WORK TO BE COMPLETED:
Which lines in the records below contain the word "XDim"? Copy each one out.

Stored items:

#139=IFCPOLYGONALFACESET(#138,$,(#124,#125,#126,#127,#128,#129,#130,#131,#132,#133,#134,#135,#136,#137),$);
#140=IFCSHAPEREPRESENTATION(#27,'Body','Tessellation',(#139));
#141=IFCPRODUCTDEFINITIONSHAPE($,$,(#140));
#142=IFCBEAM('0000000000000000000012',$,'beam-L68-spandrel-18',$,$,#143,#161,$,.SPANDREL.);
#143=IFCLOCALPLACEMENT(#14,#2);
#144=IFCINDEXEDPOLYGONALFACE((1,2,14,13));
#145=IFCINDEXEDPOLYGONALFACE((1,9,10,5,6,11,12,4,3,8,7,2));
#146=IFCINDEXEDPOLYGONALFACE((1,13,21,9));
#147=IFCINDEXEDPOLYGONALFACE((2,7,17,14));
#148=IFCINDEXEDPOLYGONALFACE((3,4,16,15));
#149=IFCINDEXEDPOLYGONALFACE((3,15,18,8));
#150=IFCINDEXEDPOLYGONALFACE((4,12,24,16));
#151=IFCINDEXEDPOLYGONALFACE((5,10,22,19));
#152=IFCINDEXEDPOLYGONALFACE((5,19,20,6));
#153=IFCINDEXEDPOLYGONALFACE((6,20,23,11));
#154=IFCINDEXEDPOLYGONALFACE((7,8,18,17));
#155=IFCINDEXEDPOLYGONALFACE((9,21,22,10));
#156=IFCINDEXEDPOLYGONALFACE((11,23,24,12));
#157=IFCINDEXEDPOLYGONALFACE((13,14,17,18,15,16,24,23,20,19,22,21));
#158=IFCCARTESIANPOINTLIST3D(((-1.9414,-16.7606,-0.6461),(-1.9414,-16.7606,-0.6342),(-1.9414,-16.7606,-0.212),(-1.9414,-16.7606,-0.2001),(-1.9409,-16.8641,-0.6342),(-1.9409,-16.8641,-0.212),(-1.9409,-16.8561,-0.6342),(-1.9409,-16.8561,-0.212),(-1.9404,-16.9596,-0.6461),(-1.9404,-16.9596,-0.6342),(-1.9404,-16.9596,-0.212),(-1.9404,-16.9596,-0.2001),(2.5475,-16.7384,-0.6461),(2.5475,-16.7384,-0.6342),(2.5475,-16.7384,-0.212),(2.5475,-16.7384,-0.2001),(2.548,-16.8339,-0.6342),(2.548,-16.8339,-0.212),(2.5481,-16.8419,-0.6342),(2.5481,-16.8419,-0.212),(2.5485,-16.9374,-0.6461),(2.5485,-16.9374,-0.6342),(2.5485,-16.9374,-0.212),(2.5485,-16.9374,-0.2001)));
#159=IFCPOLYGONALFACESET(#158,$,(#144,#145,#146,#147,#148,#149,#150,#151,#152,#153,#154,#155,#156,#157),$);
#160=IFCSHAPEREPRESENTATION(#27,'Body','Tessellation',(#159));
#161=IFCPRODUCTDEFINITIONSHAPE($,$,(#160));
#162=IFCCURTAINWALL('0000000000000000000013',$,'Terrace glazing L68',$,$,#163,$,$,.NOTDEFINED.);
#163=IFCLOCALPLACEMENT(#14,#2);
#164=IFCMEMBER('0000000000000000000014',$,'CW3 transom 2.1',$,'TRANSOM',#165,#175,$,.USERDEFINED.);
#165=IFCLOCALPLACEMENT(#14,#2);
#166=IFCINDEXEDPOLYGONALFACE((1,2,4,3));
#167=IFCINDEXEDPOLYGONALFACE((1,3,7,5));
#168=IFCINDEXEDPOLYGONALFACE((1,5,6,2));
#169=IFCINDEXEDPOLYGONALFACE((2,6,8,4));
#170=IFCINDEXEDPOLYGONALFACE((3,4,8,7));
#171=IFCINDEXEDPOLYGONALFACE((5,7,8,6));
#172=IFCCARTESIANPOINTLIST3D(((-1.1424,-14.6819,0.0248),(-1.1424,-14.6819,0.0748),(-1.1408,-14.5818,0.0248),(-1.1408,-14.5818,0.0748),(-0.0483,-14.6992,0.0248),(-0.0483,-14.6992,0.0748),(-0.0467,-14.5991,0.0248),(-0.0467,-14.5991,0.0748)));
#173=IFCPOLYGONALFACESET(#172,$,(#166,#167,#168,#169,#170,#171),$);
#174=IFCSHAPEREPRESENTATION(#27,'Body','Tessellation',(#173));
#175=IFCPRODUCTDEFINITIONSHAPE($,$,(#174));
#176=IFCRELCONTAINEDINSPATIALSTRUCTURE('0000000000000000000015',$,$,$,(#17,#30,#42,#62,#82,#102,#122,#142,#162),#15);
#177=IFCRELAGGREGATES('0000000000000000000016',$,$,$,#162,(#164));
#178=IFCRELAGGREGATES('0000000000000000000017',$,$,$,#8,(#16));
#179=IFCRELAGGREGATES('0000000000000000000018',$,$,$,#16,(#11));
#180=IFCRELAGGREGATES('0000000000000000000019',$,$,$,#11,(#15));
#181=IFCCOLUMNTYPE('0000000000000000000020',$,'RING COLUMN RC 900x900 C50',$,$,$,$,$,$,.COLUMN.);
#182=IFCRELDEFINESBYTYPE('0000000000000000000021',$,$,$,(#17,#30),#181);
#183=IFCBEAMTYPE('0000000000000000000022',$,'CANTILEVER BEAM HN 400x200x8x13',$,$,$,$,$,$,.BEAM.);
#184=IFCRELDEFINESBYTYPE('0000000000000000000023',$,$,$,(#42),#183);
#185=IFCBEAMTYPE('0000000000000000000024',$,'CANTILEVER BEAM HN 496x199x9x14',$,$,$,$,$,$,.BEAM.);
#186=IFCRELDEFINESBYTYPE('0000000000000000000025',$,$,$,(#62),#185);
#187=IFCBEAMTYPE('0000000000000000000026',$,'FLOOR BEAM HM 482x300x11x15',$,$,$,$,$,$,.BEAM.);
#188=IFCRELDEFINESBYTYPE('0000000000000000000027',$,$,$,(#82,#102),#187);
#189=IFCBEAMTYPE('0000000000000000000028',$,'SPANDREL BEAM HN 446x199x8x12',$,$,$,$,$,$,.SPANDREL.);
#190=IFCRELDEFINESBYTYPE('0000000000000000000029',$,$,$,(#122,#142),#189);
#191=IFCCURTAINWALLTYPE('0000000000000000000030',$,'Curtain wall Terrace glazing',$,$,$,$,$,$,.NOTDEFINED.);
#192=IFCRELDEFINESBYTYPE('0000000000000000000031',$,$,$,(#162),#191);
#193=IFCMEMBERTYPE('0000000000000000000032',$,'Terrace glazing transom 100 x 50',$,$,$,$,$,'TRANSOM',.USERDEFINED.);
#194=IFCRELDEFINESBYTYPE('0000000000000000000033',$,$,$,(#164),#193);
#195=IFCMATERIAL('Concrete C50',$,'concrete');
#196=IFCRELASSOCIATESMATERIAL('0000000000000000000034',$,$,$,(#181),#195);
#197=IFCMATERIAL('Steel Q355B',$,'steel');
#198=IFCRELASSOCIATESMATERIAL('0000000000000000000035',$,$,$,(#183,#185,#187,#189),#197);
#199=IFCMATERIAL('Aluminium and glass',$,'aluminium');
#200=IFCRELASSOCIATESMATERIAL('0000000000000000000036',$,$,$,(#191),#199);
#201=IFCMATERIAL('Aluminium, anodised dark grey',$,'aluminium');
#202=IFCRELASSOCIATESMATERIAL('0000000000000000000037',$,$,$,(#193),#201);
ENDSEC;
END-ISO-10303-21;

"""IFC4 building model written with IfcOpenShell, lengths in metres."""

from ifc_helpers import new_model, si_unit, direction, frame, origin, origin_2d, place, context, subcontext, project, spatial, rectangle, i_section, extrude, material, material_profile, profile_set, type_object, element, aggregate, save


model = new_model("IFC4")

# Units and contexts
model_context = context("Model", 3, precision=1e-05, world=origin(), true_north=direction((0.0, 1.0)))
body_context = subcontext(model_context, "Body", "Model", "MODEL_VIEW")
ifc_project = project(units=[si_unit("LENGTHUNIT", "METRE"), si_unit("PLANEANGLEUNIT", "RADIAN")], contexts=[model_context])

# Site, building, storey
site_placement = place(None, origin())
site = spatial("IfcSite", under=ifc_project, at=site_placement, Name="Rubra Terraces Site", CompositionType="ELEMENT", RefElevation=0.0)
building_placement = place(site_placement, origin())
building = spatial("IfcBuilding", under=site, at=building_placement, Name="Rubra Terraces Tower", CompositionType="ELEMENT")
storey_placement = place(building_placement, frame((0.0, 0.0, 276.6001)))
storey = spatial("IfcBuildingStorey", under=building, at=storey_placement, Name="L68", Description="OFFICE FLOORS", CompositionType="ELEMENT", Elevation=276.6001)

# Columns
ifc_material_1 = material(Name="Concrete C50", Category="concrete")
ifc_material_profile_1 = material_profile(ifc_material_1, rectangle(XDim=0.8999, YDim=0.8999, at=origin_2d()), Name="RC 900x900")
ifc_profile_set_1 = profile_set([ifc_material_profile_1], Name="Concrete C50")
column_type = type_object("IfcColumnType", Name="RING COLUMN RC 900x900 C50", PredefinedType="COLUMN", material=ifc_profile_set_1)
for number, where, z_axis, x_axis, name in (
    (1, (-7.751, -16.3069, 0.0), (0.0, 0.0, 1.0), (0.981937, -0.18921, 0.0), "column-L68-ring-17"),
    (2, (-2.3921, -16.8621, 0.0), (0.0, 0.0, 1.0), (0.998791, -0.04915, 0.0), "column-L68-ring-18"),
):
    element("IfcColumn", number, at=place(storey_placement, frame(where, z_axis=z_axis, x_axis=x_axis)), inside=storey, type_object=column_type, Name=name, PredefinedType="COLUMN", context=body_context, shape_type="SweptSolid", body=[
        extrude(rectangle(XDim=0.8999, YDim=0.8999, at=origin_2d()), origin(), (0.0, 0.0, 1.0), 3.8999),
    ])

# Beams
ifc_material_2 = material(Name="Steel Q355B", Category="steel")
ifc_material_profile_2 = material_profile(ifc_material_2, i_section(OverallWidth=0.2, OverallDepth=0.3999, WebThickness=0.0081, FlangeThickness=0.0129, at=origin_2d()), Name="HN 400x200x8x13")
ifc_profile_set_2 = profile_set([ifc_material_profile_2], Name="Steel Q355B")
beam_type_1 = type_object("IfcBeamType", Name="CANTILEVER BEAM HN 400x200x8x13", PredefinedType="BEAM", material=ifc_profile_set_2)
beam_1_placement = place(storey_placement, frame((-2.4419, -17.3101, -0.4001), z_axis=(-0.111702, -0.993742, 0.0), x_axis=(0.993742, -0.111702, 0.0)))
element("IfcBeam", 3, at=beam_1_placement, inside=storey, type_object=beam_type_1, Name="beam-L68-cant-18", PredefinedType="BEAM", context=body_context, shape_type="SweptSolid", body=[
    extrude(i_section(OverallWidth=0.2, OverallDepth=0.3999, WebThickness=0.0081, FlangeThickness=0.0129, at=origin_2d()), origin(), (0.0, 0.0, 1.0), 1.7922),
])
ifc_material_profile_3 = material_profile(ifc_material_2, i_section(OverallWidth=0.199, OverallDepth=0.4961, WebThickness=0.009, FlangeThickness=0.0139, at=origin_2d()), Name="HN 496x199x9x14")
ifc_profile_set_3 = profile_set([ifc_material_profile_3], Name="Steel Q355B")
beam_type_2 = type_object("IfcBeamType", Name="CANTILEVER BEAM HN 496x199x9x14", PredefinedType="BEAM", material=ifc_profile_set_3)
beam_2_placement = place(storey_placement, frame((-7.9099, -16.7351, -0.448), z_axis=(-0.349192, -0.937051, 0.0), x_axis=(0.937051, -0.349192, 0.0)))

---

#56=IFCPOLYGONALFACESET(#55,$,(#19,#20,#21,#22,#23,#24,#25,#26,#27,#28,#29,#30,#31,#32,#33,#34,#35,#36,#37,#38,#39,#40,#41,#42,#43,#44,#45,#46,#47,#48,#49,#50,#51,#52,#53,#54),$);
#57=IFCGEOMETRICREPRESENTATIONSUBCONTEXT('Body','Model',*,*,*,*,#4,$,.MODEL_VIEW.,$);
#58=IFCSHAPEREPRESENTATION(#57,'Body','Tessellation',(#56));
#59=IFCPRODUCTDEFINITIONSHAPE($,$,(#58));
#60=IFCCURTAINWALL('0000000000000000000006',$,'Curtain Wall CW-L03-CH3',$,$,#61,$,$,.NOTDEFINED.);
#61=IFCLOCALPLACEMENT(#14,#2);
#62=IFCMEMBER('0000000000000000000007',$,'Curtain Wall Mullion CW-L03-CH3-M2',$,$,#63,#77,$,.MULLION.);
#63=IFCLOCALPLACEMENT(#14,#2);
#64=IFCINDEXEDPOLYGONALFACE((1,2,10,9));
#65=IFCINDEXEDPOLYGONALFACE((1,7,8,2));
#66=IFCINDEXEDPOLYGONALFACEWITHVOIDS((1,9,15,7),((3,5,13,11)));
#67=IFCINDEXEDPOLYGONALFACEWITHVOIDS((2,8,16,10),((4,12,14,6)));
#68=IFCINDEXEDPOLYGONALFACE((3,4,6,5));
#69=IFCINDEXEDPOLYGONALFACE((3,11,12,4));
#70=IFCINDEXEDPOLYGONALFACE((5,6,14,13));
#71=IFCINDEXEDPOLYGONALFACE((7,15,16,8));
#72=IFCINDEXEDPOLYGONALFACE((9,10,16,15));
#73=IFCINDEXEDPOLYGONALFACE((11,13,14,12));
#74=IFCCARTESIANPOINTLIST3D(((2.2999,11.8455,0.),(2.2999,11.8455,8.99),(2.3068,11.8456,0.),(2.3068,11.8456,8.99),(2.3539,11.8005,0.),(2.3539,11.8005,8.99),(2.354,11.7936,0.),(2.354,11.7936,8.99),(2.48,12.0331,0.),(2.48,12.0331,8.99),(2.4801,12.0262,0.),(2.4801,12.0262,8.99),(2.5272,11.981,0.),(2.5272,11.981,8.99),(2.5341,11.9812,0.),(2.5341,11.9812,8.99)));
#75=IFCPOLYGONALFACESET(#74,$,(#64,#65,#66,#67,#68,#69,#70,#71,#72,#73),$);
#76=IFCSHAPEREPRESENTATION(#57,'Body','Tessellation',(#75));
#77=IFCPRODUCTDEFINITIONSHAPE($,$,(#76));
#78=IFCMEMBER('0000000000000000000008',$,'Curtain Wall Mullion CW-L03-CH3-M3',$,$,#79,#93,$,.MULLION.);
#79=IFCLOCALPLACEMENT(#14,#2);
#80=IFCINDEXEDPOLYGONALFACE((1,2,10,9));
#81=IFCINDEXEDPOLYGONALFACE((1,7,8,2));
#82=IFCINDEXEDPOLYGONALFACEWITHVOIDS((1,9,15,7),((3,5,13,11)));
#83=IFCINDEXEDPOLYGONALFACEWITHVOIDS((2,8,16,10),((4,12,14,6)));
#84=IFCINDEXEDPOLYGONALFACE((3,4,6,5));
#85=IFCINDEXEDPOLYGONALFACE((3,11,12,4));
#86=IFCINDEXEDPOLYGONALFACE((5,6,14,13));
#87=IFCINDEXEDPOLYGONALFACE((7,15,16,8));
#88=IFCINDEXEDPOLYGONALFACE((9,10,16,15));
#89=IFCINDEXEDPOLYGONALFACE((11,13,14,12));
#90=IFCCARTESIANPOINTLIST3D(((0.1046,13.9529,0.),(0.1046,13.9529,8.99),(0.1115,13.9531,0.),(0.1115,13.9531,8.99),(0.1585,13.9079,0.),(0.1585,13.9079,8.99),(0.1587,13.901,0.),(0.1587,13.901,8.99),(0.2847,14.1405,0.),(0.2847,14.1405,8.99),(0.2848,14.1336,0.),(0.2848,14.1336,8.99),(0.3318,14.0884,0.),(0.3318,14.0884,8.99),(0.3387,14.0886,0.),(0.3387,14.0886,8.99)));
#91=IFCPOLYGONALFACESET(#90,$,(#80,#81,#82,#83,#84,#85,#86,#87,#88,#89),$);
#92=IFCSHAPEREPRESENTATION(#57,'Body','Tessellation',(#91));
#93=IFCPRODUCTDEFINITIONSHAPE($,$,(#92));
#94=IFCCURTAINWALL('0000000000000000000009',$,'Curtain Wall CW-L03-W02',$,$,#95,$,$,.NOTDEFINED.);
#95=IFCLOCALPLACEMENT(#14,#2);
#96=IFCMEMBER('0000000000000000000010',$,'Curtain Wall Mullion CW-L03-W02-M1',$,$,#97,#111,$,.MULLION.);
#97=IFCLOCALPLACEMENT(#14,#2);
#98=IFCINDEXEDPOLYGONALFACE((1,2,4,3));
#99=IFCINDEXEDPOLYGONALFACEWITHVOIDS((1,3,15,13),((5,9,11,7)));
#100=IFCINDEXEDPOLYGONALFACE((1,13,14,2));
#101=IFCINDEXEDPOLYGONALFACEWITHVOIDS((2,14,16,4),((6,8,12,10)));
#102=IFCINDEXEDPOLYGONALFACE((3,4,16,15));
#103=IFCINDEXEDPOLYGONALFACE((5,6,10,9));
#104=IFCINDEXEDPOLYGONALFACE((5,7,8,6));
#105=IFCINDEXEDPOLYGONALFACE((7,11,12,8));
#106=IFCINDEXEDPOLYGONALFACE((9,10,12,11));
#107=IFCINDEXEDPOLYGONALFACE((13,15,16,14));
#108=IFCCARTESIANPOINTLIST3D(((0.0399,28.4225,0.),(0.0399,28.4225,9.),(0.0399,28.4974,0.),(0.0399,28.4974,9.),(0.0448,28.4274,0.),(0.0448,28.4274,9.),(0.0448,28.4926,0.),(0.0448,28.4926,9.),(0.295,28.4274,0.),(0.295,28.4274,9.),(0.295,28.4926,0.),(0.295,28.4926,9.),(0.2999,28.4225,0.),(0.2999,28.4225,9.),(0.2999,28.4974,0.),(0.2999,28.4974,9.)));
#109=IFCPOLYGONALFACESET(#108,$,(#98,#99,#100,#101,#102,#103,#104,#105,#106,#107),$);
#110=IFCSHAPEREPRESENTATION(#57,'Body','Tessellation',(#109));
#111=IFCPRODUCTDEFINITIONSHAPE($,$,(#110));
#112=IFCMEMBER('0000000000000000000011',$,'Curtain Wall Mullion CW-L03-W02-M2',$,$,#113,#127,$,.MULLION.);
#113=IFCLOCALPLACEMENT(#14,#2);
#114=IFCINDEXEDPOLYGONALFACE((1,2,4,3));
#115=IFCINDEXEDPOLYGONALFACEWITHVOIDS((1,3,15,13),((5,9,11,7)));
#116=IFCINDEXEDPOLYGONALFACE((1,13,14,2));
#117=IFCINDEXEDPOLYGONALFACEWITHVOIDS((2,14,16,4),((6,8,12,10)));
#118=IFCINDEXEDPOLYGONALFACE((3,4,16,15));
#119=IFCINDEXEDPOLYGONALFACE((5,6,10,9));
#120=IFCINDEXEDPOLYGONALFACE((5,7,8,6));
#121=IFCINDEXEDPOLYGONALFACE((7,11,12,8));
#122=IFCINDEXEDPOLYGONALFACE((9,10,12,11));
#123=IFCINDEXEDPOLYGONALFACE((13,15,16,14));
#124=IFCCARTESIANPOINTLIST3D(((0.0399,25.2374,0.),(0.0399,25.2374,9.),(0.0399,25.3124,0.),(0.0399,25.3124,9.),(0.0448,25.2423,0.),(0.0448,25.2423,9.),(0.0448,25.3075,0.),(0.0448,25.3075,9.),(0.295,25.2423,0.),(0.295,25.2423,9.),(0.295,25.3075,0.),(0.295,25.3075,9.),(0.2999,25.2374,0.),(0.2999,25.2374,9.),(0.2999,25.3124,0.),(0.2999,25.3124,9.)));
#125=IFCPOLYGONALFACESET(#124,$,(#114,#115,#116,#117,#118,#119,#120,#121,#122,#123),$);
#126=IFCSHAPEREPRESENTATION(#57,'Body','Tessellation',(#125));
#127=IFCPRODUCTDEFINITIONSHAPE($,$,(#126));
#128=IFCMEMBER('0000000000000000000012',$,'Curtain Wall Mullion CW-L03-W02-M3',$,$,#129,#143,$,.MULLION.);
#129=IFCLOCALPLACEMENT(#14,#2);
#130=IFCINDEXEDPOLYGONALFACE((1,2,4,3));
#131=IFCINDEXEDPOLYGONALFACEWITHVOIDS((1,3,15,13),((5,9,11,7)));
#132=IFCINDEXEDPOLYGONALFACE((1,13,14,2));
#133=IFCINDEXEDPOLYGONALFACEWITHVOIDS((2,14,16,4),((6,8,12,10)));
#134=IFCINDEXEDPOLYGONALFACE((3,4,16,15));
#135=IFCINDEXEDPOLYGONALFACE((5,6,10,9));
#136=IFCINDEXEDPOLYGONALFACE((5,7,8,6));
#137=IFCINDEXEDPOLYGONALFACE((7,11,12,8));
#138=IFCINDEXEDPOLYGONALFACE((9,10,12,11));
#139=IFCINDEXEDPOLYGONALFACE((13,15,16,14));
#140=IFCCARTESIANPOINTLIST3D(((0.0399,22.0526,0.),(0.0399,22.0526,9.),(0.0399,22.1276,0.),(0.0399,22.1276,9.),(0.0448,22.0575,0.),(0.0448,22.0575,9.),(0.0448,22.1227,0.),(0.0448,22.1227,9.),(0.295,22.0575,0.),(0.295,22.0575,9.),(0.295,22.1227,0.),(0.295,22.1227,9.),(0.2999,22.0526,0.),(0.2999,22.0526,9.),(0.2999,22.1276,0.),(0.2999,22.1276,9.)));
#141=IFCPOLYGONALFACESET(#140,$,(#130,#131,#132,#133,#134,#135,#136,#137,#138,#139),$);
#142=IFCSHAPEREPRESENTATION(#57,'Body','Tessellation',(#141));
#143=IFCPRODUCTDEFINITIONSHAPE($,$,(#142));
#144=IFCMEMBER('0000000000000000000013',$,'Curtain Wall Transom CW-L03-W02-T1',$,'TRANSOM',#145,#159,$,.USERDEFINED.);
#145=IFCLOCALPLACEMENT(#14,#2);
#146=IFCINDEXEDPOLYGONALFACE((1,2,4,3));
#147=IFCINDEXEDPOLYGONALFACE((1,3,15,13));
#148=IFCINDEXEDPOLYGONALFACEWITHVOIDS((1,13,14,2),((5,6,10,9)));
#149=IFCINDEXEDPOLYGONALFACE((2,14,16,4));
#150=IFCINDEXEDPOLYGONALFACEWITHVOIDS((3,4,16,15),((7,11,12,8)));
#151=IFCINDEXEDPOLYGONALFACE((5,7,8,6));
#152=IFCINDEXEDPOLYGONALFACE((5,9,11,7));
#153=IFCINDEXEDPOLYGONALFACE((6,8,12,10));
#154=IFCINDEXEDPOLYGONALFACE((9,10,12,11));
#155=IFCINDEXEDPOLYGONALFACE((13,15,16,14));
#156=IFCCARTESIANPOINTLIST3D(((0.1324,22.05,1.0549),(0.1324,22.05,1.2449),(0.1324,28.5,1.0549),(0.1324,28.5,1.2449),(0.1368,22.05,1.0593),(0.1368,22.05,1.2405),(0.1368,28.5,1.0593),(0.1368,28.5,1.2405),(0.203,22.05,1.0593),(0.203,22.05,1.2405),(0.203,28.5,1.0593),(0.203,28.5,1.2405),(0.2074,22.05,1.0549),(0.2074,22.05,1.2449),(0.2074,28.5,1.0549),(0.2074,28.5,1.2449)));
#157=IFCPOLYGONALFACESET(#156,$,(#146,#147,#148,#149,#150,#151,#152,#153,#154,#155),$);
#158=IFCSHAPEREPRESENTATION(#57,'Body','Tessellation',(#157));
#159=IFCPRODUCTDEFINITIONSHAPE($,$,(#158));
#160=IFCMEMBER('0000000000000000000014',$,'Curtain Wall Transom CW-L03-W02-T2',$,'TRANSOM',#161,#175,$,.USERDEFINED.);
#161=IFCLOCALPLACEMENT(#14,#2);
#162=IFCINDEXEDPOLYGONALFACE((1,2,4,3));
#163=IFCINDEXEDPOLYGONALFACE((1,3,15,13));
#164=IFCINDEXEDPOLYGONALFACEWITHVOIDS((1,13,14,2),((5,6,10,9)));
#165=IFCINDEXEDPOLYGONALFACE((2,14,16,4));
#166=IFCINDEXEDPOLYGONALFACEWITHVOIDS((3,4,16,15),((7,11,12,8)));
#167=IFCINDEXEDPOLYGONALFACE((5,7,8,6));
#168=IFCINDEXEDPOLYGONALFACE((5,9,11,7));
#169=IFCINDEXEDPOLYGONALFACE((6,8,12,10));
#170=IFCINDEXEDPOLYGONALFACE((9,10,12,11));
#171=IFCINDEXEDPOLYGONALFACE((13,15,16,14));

---

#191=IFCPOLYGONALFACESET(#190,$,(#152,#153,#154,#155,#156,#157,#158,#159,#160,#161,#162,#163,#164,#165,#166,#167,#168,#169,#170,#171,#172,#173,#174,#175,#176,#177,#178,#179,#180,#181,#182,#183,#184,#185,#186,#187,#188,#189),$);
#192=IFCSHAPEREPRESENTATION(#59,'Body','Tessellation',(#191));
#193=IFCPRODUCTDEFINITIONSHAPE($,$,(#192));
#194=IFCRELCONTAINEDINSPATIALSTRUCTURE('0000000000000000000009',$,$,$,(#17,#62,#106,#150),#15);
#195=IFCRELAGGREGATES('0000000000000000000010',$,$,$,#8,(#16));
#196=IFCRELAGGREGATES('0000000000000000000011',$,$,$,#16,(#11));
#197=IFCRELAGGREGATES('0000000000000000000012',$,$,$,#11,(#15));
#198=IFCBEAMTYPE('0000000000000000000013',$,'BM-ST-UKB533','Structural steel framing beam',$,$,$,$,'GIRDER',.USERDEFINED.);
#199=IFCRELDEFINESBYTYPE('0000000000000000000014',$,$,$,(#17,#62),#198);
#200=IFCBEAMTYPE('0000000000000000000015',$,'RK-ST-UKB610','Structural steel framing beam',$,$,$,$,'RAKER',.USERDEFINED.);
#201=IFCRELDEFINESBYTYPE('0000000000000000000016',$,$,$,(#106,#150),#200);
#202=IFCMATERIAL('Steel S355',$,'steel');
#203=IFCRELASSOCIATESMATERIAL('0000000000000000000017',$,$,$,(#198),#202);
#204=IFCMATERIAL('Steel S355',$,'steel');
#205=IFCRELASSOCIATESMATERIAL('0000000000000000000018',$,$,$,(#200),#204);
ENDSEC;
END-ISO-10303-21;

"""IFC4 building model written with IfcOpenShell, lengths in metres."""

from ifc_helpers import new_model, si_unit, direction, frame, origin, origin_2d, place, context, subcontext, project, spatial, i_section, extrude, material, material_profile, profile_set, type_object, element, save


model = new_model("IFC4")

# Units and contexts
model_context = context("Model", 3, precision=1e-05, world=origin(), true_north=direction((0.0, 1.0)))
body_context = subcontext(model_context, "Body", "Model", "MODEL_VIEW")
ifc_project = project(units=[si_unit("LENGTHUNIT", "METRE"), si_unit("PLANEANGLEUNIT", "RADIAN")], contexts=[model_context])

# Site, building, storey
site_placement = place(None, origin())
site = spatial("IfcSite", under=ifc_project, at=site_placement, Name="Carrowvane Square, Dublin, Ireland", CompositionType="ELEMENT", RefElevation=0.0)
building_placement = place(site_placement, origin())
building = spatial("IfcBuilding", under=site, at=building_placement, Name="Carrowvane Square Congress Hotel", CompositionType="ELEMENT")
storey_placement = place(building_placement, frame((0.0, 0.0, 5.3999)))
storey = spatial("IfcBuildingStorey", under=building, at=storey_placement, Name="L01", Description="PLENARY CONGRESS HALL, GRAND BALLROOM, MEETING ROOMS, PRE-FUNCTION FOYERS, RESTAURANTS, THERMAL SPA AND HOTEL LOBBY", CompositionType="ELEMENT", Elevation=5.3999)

TASK RESPONSE:
ifc_material_profile_1 = material_profile(ifc_material_1, rectangle(XDim=0.8999, YDim=0.8999, at=origin_2d()), Name="RC 900x900")
        extrude(rectangle(XDim=0.8999, YDim=0.8999, at=origin_2d()), origin(), (0.0, 0.0, 1.0), 3.8999),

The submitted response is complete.